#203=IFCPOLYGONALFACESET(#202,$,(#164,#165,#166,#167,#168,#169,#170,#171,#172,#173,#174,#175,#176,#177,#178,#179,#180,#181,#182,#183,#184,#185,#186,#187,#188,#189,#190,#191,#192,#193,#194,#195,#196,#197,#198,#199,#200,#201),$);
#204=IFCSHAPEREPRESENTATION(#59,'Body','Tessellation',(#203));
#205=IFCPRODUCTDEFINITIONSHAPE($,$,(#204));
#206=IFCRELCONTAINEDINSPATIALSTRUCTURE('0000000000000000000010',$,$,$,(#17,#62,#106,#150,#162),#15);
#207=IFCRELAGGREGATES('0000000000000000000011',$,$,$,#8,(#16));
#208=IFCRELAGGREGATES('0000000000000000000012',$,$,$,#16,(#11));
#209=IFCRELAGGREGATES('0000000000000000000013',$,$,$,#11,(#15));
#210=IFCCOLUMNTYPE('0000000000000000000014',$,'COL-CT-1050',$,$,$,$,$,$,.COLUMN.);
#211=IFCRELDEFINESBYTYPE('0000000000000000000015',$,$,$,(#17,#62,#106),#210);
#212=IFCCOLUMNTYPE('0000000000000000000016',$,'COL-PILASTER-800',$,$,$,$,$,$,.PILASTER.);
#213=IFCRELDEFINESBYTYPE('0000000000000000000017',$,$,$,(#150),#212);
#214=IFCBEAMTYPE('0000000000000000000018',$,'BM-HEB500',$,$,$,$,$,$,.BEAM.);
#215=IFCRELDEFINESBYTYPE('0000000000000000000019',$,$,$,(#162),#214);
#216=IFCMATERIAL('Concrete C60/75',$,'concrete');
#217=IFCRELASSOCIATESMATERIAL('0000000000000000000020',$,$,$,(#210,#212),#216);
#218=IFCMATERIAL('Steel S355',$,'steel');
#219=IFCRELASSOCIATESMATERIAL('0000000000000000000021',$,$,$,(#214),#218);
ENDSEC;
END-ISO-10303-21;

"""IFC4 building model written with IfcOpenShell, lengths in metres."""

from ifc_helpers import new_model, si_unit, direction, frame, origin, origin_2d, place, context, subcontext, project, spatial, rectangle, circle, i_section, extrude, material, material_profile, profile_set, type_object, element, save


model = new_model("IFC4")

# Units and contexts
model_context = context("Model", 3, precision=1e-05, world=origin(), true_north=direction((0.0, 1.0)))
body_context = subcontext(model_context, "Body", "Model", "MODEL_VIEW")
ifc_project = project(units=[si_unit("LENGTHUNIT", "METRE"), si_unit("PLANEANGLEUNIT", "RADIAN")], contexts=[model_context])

# # #

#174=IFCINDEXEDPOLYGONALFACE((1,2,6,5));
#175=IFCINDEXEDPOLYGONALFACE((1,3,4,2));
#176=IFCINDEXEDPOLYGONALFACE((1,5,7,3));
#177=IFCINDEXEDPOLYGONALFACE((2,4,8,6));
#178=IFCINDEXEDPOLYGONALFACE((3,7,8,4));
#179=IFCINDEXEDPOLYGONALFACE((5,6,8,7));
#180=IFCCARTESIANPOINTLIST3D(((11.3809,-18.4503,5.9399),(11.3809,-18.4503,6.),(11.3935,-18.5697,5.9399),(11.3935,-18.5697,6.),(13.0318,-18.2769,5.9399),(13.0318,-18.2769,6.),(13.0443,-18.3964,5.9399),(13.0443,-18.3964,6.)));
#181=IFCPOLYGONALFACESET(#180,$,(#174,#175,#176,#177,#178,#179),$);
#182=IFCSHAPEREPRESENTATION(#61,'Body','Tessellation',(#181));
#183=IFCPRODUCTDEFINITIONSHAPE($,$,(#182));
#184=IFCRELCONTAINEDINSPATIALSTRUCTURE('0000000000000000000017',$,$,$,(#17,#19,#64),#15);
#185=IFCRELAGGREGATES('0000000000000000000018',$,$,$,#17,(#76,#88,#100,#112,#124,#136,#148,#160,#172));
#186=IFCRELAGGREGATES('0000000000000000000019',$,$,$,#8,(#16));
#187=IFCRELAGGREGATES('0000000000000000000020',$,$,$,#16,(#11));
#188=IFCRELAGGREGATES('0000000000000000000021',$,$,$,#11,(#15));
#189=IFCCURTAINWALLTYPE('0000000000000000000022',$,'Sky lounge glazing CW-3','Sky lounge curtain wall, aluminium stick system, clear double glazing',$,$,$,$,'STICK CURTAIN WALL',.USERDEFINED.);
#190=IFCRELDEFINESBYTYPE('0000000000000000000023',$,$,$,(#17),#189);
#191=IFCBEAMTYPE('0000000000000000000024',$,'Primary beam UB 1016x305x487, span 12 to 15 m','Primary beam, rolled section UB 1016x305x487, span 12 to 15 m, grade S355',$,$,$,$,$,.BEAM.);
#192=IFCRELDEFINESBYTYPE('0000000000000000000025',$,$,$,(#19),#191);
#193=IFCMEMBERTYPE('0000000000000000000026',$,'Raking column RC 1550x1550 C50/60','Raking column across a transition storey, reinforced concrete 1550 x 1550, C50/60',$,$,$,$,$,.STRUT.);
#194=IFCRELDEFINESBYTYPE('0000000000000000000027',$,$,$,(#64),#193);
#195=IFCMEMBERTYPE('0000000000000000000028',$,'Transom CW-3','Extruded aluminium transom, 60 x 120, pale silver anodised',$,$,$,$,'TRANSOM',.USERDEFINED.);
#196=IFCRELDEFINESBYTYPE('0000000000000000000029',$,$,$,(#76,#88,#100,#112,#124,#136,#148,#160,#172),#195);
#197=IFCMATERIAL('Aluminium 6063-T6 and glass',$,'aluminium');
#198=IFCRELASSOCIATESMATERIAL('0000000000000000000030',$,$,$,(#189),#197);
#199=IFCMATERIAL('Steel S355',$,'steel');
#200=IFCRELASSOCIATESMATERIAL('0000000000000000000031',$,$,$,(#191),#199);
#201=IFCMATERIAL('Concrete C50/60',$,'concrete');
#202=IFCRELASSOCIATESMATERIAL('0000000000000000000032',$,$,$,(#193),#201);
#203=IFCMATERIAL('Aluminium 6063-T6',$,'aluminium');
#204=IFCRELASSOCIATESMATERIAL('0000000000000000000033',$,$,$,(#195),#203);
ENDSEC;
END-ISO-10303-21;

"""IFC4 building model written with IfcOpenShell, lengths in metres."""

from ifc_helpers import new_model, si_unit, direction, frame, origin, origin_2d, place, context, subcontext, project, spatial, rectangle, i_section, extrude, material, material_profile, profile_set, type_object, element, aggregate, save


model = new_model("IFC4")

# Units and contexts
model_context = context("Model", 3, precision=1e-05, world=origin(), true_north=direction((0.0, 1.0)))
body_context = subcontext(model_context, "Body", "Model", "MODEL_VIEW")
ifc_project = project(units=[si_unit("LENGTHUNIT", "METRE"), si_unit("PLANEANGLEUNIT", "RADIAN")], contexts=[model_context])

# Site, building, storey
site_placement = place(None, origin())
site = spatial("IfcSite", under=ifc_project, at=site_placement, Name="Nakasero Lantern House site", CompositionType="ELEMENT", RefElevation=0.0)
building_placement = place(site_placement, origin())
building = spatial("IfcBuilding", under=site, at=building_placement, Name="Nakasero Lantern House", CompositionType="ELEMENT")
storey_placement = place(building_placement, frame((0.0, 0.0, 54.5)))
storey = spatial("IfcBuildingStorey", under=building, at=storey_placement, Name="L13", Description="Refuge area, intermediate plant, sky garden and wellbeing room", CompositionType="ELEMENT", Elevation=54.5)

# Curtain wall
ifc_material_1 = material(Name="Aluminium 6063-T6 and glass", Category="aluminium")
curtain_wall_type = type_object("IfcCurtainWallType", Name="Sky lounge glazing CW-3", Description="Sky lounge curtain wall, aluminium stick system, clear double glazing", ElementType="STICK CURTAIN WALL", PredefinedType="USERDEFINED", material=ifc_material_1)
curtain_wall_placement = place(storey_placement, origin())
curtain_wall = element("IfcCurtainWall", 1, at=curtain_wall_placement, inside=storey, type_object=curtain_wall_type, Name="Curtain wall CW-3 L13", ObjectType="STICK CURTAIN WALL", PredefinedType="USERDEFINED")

# # #

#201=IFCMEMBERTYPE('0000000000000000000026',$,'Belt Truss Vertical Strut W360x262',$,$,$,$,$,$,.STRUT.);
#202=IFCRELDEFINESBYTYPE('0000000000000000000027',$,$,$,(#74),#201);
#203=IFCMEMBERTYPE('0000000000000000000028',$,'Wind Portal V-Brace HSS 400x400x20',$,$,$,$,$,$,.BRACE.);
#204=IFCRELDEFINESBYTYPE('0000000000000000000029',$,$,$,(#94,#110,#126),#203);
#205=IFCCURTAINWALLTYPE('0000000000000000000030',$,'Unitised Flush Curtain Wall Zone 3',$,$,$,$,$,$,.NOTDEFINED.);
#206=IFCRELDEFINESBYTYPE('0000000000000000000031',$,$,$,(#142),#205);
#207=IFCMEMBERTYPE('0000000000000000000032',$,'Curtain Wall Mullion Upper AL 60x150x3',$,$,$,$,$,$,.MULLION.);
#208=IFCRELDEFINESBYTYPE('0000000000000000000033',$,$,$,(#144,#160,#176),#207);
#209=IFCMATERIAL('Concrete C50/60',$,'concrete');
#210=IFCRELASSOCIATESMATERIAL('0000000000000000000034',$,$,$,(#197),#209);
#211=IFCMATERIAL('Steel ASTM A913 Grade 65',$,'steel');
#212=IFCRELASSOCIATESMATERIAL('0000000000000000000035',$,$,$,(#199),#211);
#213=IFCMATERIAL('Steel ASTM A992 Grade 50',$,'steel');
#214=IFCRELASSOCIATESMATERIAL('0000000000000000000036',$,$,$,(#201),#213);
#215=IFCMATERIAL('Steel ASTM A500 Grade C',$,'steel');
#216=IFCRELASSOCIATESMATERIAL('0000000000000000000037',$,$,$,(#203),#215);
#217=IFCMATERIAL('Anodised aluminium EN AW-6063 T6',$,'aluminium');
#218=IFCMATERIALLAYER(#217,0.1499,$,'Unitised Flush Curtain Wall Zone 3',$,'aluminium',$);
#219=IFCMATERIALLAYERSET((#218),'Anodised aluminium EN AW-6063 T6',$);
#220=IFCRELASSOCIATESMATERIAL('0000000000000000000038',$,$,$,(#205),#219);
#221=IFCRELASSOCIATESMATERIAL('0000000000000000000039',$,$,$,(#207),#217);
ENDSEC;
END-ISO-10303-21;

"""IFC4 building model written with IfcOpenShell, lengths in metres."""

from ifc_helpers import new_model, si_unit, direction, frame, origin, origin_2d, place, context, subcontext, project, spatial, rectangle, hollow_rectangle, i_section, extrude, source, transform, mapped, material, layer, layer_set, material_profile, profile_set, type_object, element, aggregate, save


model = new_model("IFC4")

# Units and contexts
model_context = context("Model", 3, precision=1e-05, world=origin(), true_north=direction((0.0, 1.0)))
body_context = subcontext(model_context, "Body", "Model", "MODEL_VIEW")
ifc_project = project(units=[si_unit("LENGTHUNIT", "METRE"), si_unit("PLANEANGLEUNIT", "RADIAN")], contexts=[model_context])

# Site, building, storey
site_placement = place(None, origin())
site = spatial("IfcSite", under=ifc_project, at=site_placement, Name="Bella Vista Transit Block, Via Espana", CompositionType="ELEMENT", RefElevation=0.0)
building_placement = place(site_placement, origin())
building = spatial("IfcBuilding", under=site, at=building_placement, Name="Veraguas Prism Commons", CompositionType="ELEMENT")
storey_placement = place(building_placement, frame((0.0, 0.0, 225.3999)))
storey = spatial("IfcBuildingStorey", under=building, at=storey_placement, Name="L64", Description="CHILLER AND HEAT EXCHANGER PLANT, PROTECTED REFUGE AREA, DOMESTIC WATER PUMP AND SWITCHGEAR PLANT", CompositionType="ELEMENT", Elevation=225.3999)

# # #

* _Work to be completed_
"USERDEFINED" is the word to look for; copy every line of the data that has it.

* _Exercise result_
#189=IFCCURTAINWALLTYPE('0000000000000000000022',$,'Sky lounge glazing CW-3','Sky lounge curtain wall, aluminium stick system, clear double glazing',$,$,$,$,'STICK CURTAIN WALL',.USERDEFINED.);
#195=IFCMEMBERTYPE('0000000000000000000028',$,'Transom CW-3','Extruded aluminium transom, 60 x 120, pale silver anodised',$,$,$,$,'TRANSOM',.USERDEFINED.);
curtain_wall_type = type_object("IfcCurtainWallType", Name="Sky lounge glazing CW-3", Description="Sky lounge curtain wall, aluminium stick system, clear double glazing", ElementType="STICK CURTAIN WALL", PredefinedType="USERDEFINED", material=ifc_material_1)
curtain_wall = element("IfcCurtainWall", 1, at=curtain_wall_placement, inside=storey, type_object=curtain_wall_type, Name="Curtain wall CW-3 L13", ObjectType="STICK CURTAIN WALL", PredefinedType="USERDEFINED")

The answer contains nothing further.